**INSTRUCTIONS FOR THE TASK:** Report every line of the records below that includes the string "Aluminium".

Collected data:

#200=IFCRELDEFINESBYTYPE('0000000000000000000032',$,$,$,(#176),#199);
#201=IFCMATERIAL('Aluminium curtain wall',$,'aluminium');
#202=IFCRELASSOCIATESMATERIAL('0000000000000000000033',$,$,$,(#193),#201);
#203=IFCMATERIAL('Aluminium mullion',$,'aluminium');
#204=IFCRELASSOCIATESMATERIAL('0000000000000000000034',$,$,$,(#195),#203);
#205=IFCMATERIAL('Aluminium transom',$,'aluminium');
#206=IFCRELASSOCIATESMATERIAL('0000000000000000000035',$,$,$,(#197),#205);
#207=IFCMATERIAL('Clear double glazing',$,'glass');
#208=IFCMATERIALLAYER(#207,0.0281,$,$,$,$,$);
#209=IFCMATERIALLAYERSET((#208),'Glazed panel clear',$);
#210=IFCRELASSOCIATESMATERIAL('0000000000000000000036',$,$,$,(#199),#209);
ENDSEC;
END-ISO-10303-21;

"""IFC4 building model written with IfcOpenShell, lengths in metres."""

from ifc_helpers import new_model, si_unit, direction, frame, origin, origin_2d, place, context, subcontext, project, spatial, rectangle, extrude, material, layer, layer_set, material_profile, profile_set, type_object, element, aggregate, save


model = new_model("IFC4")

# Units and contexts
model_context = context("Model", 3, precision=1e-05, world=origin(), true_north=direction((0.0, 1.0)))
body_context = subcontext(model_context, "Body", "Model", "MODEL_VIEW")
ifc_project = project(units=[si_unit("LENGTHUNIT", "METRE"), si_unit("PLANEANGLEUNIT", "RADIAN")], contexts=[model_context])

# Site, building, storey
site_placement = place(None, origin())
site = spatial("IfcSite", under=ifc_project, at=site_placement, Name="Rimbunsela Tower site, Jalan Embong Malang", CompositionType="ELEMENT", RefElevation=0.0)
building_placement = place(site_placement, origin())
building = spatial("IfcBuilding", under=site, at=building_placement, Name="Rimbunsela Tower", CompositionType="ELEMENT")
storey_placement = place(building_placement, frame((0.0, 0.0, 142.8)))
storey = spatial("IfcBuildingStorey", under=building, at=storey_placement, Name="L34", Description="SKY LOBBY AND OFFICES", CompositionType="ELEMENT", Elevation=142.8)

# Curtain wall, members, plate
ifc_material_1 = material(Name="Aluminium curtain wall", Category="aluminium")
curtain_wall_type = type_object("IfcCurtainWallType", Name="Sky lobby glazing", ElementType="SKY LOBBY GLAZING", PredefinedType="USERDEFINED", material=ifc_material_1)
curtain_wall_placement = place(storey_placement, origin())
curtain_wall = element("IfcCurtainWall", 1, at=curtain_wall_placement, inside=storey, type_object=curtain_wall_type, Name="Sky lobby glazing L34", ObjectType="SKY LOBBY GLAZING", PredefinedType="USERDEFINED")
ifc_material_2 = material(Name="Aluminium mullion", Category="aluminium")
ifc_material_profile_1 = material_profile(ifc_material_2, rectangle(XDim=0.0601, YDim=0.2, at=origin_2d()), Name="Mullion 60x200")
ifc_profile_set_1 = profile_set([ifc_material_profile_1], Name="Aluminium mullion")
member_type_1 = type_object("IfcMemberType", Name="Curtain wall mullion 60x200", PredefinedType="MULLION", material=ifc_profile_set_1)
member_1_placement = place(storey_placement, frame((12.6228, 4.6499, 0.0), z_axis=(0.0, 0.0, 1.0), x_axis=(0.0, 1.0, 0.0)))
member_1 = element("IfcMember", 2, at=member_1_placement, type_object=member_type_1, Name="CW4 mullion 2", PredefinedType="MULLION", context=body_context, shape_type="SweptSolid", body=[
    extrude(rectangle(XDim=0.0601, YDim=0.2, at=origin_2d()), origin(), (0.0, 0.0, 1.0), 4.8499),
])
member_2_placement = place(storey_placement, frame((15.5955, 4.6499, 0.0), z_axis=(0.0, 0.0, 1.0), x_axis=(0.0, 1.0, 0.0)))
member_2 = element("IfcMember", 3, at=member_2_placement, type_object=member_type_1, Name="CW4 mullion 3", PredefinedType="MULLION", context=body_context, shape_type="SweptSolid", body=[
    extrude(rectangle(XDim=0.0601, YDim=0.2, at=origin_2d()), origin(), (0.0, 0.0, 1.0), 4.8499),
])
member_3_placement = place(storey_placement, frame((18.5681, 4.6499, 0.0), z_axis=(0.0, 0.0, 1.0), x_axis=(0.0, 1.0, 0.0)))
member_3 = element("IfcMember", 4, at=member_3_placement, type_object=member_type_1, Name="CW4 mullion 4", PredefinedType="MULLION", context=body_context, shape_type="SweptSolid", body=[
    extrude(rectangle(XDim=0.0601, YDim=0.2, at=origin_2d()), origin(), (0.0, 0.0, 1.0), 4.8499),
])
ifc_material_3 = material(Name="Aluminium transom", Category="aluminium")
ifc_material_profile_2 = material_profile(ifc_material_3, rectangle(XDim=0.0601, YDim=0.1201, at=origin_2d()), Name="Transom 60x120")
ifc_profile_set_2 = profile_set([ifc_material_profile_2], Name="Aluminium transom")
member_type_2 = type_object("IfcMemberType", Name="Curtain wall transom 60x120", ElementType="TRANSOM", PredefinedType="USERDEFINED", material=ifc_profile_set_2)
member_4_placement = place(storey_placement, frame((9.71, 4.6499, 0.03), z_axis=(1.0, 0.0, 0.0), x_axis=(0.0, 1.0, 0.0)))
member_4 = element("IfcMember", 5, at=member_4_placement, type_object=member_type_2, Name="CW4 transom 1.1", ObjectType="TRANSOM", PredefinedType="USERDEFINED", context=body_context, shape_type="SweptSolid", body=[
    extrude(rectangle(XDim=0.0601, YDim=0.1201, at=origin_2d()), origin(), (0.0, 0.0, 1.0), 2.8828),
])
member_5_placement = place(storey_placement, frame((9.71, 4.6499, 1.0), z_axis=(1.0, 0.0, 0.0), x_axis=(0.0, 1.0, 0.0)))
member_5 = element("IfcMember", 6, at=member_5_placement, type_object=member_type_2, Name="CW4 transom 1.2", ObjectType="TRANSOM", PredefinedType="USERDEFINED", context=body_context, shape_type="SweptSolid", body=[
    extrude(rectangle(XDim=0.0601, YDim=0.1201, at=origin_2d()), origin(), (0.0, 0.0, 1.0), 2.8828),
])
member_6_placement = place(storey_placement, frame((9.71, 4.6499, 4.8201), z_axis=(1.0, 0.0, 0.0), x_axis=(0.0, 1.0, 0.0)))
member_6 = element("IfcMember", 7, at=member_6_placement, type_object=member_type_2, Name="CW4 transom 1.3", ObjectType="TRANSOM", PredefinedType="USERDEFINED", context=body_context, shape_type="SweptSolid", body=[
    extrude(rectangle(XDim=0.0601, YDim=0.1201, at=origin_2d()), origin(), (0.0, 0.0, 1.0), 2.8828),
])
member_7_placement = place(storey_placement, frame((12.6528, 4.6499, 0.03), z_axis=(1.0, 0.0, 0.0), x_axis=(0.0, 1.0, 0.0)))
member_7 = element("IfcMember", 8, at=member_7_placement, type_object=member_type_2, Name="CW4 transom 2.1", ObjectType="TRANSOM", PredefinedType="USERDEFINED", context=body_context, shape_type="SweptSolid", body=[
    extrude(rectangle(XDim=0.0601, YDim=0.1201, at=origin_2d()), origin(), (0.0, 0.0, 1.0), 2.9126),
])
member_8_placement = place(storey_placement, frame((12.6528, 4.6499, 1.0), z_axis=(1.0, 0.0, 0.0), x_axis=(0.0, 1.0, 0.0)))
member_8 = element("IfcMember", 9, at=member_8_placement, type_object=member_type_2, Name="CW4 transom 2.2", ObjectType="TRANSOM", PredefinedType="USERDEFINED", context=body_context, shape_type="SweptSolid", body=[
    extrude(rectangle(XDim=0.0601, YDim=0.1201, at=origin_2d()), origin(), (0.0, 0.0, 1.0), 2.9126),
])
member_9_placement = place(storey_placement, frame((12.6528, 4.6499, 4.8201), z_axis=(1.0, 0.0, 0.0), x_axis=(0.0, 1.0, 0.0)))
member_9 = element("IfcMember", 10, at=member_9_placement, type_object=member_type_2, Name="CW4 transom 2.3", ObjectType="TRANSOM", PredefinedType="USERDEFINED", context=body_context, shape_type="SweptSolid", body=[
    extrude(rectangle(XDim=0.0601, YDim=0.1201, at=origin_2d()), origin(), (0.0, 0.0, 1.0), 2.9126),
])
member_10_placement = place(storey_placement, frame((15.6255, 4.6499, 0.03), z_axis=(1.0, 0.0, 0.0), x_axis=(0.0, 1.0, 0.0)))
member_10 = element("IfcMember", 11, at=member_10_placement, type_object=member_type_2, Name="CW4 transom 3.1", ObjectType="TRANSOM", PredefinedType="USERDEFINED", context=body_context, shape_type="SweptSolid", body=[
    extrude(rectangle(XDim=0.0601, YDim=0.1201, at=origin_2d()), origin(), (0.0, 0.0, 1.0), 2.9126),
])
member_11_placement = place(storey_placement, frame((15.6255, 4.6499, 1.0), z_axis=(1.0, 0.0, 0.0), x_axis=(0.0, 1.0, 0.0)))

**ANSWER FOR THE TASK:**
#201=IFCMATERIAL('Aluminium curtain wall',$,'aluminium');
#203=IFCMATERIAL('Aluminium mullion',$,'aluminium');
#205=IFCMATERIAL('Aluminium transom',$,'aluminium');
ifc_material_1 = material(Name="Aluminium curtain wall", Category="aluminium")
ifc_material_2 = material(Name="Aluminium mullion", Category="aluminium")
ifc_profile_set_1 = profile_set([ifc_material_profile_1], Name="Aluminium mullion")
ifc_material_3 = material(Name="Aluminium transom", Category="aluminium")
ifc_profile_set_2 = profile_set([ifc_material_profile_2], Name="Aluminium transom")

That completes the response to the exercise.